■ **Given data**
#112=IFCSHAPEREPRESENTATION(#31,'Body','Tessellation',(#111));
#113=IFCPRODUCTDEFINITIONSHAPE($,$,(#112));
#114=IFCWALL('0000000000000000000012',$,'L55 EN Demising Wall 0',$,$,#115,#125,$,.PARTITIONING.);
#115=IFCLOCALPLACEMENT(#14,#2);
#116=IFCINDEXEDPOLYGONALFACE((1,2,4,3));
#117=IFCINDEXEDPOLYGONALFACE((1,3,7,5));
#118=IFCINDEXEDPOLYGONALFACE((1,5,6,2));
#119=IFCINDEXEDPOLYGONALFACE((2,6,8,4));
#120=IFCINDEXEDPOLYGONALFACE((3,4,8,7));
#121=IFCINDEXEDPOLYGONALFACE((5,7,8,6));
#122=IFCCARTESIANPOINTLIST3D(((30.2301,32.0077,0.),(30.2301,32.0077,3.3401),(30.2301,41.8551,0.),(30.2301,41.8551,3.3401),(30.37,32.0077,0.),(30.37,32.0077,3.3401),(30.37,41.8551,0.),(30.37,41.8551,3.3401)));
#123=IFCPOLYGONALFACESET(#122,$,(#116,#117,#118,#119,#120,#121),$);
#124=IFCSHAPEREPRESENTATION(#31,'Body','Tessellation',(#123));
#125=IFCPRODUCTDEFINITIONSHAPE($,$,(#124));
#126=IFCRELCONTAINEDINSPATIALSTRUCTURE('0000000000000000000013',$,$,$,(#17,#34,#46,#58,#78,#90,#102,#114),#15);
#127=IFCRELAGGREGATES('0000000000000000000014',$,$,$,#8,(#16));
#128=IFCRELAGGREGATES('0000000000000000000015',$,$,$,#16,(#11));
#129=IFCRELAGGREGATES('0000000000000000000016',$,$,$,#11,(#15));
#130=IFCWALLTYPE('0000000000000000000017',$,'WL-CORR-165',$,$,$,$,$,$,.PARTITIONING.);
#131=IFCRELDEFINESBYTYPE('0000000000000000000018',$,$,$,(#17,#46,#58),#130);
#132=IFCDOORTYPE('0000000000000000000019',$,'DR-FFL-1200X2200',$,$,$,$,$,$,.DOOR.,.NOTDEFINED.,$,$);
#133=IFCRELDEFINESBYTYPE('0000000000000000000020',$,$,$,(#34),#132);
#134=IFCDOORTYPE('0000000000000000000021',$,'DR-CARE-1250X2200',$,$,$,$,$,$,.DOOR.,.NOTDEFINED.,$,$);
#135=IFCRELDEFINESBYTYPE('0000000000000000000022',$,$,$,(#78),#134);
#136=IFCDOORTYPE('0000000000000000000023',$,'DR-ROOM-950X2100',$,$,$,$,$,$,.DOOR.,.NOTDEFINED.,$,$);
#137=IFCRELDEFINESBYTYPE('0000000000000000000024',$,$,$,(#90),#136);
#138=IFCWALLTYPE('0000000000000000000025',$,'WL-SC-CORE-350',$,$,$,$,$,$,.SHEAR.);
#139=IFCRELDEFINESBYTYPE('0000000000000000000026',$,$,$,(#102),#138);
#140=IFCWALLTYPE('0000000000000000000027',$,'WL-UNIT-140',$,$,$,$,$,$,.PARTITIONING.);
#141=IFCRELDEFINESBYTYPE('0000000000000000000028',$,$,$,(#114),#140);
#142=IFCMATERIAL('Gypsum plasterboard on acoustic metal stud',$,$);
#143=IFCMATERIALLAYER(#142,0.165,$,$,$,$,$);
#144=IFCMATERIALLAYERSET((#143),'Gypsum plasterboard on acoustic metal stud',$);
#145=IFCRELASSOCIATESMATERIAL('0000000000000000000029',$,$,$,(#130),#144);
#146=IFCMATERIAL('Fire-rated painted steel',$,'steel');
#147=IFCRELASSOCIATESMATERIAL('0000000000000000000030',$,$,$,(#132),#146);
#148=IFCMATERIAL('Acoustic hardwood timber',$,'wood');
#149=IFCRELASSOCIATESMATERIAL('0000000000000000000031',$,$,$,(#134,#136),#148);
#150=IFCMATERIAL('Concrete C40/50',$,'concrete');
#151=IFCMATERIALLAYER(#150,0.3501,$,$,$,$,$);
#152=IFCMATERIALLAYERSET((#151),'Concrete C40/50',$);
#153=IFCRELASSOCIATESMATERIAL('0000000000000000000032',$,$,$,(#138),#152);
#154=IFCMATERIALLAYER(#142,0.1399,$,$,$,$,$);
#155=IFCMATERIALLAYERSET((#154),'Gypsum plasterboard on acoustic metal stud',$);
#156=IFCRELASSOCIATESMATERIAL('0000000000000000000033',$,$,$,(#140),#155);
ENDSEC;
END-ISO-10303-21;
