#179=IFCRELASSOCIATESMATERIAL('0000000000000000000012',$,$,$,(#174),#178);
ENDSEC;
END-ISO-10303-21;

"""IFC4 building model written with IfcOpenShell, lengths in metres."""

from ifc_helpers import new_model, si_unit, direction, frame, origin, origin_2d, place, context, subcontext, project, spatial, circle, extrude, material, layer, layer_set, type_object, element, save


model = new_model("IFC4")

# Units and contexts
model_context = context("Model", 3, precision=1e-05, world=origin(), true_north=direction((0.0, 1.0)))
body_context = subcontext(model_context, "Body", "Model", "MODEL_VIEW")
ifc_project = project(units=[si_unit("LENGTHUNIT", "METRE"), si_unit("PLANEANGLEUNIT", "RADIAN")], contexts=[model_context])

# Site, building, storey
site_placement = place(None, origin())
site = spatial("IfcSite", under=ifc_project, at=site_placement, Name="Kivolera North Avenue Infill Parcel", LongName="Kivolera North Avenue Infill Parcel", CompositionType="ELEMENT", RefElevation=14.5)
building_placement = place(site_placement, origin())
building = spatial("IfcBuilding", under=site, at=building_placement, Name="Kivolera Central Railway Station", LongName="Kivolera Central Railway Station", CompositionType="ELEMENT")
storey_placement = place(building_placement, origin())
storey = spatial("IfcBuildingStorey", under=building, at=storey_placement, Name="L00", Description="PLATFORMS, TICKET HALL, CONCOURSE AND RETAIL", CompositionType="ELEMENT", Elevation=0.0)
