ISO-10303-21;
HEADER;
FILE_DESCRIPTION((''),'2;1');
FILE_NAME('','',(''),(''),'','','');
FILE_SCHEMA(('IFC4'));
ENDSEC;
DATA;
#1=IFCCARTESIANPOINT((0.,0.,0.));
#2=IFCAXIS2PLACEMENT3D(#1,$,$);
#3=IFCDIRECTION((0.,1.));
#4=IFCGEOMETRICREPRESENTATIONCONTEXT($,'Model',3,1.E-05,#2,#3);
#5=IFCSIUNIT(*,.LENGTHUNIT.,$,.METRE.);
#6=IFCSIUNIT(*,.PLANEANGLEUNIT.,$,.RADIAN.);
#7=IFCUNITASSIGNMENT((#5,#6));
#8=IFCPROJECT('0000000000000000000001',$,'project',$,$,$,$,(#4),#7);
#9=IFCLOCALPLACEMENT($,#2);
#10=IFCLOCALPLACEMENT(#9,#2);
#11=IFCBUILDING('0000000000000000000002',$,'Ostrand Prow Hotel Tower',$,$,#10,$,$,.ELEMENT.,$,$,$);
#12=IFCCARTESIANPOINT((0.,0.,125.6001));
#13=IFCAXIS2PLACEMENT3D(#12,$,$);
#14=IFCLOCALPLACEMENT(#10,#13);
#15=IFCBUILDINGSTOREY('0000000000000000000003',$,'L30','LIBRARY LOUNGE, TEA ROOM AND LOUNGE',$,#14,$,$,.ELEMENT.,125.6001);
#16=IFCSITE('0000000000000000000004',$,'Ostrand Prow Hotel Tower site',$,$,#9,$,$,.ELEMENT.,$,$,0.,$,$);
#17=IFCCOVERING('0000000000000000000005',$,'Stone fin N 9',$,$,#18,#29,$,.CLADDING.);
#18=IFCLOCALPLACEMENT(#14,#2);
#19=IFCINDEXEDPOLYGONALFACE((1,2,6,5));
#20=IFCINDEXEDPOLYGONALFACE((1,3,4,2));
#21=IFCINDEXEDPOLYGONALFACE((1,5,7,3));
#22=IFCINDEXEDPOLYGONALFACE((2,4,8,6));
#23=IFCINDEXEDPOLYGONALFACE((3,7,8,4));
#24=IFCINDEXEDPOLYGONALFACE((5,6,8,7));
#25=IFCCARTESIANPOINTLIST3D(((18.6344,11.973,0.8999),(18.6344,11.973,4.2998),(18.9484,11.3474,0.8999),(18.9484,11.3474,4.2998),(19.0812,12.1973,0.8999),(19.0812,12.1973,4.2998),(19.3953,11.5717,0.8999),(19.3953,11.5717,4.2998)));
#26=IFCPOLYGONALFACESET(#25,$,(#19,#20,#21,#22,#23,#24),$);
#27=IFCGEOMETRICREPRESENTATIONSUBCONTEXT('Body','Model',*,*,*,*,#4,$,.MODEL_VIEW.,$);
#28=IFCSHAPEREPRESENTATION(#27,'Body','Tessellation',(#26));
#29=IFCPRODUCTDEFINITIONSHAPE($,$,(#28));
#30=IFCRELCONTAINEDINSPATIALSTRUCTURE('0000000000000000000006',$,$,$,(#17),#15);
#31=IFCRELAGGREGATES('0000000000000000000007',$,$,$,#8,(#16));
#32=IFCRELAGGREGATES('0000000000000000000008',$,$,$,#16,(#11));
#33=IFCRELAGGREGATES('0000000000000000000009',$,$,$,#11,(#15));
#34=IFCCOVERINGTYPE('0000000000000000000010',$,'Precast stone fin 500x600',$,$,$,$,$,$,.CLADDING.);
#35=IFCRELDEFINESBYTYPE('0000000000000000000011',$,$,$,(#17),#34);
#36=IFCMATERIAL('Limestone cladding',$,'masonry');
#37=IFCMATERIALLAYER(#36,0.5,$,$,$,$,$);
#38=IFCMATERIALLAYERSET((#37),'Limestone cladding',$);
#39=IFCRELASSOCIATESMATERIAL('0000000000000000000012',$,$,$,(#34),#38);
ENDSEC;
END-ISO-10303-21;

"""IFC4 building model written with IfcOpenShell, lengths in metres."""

from ifc_helpers import new_model, si_unit, direction, frame, frame_2d, origin, place, context, subcontext, project, spatial, rectangle, extrude, material, layer, layer_set, type_object, element, save


model = new_model("IFC4")

# Units and contexts
model_context = context("Model", 3, precision=1e-05, world=origin(), true_north=direction((0.0, 1.0)))
body_context = subcontext(model_context, "Body", "Model", "MODEL_VIEW")
ifc_project = project(units=[si_unit("LENGTHUNIT", "METRE"), si_unit("PLANEANGLEUNIT", "RADIAN")], contexts=[model_context])

# Site, building, storey
site_placement = place(None, origin())
site = spatial("IfcSite", under=ifc_project, at=site_placement, Name="Ostrand Prow Hotel Tower site", CompositionType="ELEMENT", RefElevation=0.0)
building_placement = place(site_placement, origin())
building = spatial("IfcBuilding", under=site, at=building_placement, Name="Ostrand Prow Hotel Tower", CompositionType="ELEMENT")
storey_placement = place(building_placement, frame((0.0, 0.0, 125.6001)))
storey = spatial("IfcBuildingStorey", under=building, at=storey_placement, Name="L30", Description="LIBRARY LOUNGE, TEA ROOM AND LOUNGE", CompositionType="ELEMENT", Elevation=125.6001)

# Covering
ifc_material_1 = material(Name="Limestone cladding", Category="masonry")
ifc_layer_1 = layer(ifc_material_1, 0.5)
ifc_layer_set_1 = layer_set([ifc_layer_1], Name="Limestone cladding")
covering_type_1 = type_object("IfcCoveringType", Name="Precast stone fin 500x600", PredefinedType="CLADDING", material=ifc_layer_set_1)
covering_1_placement = place(storey_placement, frame((19.1719, 11.4595, 0.8999), z_axis=(0.0, 0.0, 1.0), x_axis=(-0.448608, 0.893728, 0.0)))
element("IfcCovering", 1, at=covering_1_placement, inside=storey, type_object=covering_type_1, Name="Stone fin N 9", PredefinedType="CLADDING", context=body_context, shape_type="SweptSolid", body=[
    extrude(rectangle(XDim=0.7, YDim=0.5, at=frame_2d((0.3501, 0.0))), origin(), (0.0, 0.0, 1.0), 3.3999),
])

save(model, "model.ifc")
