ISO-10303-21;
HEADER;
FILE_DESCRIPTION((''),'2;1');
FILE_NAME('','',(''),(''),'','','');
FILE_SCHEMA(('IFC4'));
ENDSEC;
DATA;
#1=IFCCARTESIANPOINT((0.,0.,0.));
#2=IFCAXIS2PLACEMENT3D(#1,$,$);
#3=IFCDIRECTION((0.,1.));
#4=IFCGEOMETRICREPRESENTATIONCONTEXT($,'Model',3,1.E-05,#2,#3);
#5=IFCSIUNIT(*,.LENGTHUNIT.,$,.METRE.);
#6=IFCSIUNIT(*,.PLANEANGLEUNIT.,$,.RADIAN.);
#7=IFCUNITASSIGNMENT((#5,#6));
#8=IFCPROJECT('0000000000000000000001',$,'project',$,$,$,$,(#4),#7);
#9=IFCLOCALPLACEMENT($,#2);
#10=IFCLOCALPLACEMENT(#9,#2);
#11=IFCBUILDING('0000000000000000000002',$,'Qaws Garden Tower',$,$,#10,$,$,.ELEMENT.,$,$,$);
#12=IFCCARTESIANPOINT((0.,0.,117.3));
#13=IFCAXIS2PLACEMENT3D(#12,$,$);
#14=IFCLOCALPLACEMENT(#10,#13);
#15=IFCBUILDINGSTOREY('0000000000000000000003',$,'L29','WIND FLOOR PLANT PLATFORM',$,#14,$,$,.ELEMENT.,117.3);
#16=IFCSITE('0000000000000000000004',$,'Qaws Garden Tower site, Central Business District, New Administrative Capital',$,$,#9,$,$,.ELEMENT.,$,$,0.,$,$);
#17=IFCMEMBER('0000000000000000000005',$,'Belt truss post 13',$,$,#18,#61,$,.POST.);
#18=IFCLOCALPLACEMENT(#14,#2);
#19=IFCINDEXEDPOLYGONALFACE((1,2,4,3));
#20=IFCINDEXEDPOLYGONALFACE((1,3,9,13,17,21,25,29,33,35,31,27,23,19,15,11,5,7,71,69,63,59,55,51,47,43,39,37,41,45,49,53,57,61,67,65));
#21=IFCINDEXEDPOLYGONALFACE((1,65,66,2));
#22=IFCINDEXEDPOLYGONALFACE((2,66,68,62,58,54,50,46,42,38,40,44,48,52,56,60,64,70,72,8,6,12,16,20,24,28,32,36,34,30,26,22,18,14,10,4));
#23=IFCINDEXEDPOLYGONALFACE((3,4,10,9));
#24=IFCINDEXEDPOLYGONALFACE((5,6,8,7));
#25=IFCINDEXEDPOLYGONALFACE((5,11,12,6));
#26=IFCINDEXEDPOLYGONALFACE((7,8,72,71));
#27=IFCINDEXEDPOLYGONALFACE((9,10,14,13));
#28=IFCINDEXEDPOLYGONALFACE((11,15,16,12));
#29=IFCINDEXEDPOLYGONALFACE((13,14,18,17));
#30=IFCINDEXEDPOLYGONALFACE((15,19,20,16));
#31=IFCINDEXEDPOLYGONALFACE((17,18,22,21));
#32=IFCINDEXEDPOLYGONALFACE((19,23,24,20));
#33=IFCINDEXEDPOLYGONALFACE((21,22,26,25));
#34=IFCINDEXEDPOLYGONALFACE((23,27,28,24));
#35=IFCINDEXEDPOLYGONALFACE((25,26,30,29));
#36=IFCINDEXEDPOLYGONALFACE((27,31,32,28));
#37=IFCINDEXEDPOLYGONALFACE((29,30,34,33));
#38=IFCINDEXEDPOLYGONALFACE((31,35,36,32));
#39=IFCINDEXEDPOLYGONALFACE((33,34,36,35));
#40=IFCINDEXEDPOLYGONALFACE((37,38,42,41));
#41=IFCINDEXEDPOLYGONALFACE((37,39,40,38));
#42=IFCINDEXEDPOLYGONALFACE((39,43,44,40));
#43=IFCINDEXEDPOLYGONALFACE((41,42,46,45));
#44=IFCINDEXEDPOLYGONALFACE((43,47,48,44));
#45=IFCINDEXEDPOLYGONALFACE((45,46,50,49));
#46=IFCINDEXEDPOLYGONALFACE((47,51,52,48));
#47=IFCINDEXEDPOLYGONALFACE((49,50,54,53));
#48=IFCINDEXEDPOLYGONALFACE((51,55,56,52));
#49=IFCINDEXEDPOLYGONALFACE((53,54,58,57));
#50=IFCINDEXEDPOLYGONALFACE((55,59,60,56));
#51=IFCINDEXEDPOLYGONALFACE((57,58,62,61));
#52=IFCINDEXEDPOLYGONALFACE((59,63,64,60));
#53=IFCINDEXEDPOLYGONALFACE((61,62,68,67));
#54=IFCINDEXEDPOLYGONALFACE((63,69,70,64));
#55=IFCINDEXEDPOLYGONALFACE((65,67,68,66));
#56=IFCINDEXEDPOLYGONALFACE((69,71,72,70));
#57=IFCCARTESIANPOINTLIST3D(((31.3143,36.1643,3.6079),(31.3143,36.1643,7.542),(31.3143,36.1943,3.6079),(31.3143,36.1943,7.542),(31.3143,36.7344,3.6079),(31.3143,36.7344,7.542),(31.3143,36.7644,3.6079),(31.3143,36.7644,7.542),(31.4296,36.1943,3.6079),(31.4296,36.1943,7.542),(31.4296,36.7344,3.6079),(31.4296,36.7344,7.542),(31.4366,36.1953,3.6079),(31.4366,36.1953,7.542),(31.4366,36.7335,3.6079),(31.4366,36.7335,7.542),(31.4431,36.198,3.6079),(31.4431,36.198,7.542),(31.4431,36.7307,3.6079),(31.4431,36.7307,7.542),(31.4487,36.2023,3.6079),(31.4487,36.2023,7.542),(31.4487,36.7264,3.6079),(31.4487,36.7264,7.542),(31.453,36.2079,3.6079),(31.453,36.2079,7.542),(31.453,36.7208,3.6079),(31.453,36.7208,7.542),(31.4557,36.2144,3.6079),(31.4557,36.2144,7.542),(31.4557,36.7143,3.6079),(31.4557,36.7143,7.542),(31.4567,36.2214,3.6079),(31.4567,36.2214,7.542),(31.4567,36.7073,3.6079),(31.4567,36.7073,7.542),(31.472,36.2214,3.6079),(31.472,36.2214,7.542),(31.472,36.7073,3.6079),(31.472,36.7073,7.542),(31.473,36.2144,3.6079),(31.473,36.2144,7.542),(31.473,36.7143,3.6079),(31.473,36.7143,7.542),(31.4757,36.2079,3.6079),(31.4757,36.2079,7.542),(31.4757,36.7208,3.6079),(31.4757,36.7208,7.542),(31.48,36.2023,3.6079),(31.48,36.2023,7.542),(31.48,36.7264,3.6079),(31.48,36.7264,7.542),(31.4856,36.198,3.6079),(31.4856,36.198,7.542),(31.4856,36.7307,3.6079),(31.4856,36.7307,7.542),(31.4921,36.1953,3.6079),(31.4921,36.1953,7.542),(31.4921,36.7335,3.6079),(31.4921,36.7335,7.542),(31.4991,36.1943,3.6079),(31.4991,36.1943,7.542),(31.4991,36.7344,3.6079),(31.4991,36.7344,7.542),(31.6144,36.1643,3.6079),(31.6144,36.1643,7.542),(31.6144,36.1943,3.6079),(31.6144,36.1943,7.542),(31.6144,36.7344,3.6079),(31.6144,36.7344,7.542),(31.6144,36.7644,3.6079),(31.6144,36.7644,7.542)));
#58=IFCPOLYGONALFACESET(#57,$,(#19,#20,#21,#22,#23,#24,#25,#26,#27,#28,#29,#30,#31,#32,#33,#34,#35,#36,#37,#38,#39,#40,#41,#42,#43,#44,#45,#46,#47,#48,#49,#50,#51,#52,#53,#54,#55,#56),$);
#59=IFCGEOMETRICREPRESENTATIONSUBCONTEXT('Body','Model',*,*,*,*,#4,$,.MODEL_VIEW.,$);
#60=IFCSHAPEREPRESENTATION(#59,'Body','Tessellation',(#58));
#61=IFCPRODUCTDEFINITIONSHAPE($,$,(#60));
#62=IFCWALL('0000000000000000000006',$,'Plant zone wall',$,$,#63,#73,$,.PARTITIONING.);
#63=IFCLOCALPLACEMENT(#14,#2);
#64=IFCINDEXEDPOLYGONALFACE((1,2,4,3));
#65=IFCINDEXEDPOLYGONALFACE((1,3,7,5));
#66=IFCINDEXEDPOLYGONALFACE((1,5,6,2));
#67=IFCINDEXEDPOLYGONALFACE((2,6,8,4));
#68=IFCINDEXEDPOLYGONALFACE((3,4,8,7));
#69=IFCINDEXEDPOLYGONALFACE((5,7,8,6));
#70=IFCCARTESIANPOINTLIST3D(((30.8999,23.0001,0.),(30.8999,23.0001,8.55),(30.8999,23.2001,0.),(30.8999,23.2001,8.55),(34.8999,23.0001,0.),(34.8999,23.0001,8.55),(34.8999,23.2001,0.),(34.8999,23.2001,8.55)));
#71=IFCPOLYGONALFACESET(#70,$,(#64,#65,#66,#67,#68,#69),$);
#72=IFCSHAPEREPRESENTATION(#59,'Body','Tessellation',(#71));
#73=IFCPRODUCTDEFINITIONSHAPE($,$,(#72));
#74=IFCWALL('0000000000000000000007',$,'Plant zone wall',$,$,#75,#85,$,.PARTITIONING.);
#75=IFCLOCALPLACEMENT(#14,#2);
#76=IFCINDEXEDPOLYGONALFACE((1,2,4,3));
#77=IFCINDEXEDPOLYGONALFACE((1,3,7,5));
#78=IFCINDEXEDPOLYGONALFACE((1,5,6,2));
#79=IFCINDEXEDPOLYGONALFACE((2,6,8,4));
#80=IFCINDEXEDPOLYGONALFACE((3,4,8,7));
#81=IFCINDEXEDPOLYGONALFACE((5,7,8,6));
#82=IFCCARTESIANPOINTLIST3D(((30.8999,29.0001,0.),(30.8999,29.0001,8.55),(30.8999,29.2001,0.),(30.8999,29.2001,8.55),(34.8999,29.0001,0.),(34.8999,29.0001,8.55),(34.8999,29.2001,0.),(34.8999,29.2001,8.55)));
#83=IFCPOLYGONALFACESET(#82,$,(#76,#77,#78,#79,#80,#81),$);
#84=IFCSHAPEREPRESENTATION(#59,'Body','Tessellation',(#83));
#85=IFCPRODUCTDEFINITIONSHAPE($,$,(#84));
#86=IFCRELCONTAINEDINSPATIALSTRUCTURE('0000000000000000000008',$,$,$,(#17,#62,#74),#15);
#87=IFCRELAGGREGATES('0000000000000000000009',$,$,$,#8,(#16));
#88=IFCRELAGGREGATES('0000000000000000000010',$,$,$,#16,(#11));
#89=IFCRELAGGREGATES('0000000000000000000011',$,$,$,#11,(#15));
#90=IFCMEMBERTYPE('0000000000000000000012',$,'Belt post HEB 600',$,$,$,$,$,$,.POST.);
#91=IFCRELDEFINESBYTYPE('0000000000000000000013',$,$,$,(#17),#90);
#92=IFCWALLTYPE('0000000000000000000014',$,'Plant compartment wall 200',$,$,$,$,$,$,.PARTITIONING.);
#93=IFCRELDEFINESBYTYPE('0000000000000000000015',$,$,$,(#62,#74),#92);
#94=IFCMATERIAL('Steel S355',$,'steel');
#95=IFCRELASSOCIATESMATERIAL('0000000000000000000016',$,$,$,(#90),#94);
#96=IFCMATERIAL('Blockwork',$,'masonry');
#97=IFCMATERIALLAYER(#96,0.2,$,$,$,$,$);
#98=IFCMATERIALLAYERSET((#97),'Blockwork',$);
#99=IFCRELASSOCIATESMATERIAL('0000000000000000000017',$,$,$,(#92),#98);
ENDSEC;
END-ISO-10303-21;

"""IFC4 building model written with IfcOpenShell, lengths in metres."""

from ifc_helpers import new_model, si_unit, direction, frame, frame_2d, origin, origin_2d, place, context, subcontext, project, spatial, rectangle, i_section, extrude, material, layer, layer_set, material_profile, profile_set, type_object, element, save


model = new_model("IFC4")

# Units and contexts
model_context = context("Model", 3, precision=1e-05, world=origin(), true_north=direction((0.0, 1.0)))
body_context = subcontext(model_context, "Body", "Model", "MODEL_VIEW")
ifc_project = project(units=[si_unit("LENGTHUNIT", "METRE"), si_unit("PLANEANGLEUNIT", "RADIAN")], contexts=[model_context])

# Site, building, storey
site_placement = place(None, origin())
site = spatial("IfcSite", under=ifc_project, at=site_placement, Name="Qaws Garden Tower site, Central Business District, New Administrative Capital", CompositionType="ELEMENT", RefElevation=0.0)
building_placement = place(site_placement, origin())
building = spatial("IfcBuilding", under=site, at=building_placement, Name="Qaws Garden Tower", CompositionType="ELEMENT")
storey_placement = place(building_placement, frame((0.0, 0.0, 117.3)))
storey = spatial("IfcBuildingStorey", under=building, at=storey_placement, Name="L29", Description="WIND FLOOR PLANT PLATFORM", CompositionType="ELEMENT", Elevation=117.3)

# Member
ifc_material_1 = material(Name="Steel S355", Category="steel")
ifc_material_profile_1 = material_profile(ifc_material_1, i_section(OverallWidth=0.3, OverallDepth=0.6001, WebThickness=0.0154, FlangeThickness=0.03, FilletRadius=0.0271, at=origin_2d()), Name="HEB 600")
ifc_profile_set_1 = profile_set([ifc_material_profile_1], Name="Steel S355")
member_type_1 = type_object("IfcMemberType", Name="Belt post HEB 600", PredefinedType="POST", material=ifc_profile_set_1)
placement_1 = place(storey_placement, frame((31.4644, 36.4644, 3.6079), z_axis=(0.0, 0.0, 1.0), x_axis=(1.0, 0.0, 0.0)))
element("IfcMember", 1, at=placement_1, inside=storey, type_object=member_type_1, Name="Belt truss post 13", PredefinedType="POST", context=body_context, shape_type="SweptSolid", body=[
    extrude(i_section(OverallWidth=0.3, OverallDepth=0.6001, WebThickness=0.0154, FlangeThickness=0.03, FilletRadius=0.0271, at=origin_2d()), origin(), (0.0, 0.0, 1.0), 3.9341),
])

# Walls
ifc_material_2 = material(Name="Blockwork", Category="masonry")
ifc_layer = layer(ifc_material_2, 0.2)
ifc_layer_set = layer_set([ifc_layer], Name="Blockwork")
wall_type = type_object("IfcWallType", Name="Plant compartment wall 200", PredefinedType="PARTITIONING", material=ifc_layer_set)
for number, where, z_axis, x_axis, name in (
    (2, (30.8999, 23.1001, 0.0), (0.0, 0.0, 1.0), (1.0, 0.0, 0.0), "Plant zone wall"),
    (3, (30.8999, 29.1001, 0.0), (0.0, 0.0, 1.0), (1.0, 0.0, 0.0), "Plant zone wall"),
):
    element("IfcWall", number, at=place(storey_placement, frame(where, z_axis=z_axis, x_axis=x_axis)), inside=storey, type_object=wall_type, Name=name, PredefinedType="PARTITIONING", context=body_context, shape_type="SweptSolid", body=[
        extrude(rectangle(XDim=4.0, YDim=0.2, at=frame_2d((2.0, 0.0))), origin(), (0.0, 0.0, 1.0), 8.55),
    ])

save(model, "model.ifc")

■ **Work instructions**
Show every line from the listing that contains "Tessellation".

■ **Completed exercise**
#112=IFCSHAPEREPRESENTATION(#31,'Body','Tessellation',(#111));
#124=IFCSHAPEREPRESENTATION(#31,'Body','Tessellation',(#123));
#28=IFCSHAPEREPRESENTATION(#27,'Body','Tessellation',(#26));
#60=IFCSHAPEREPRESENTATION(#59,'Body','Tessellation',(#58));
#72=IFCSHAPEREPRESENTATION(#59,'Body','Tessellation',(#71));
#84=IFCSHAPEREPRESENTATION(#59,'Body','Tessellation',(#83));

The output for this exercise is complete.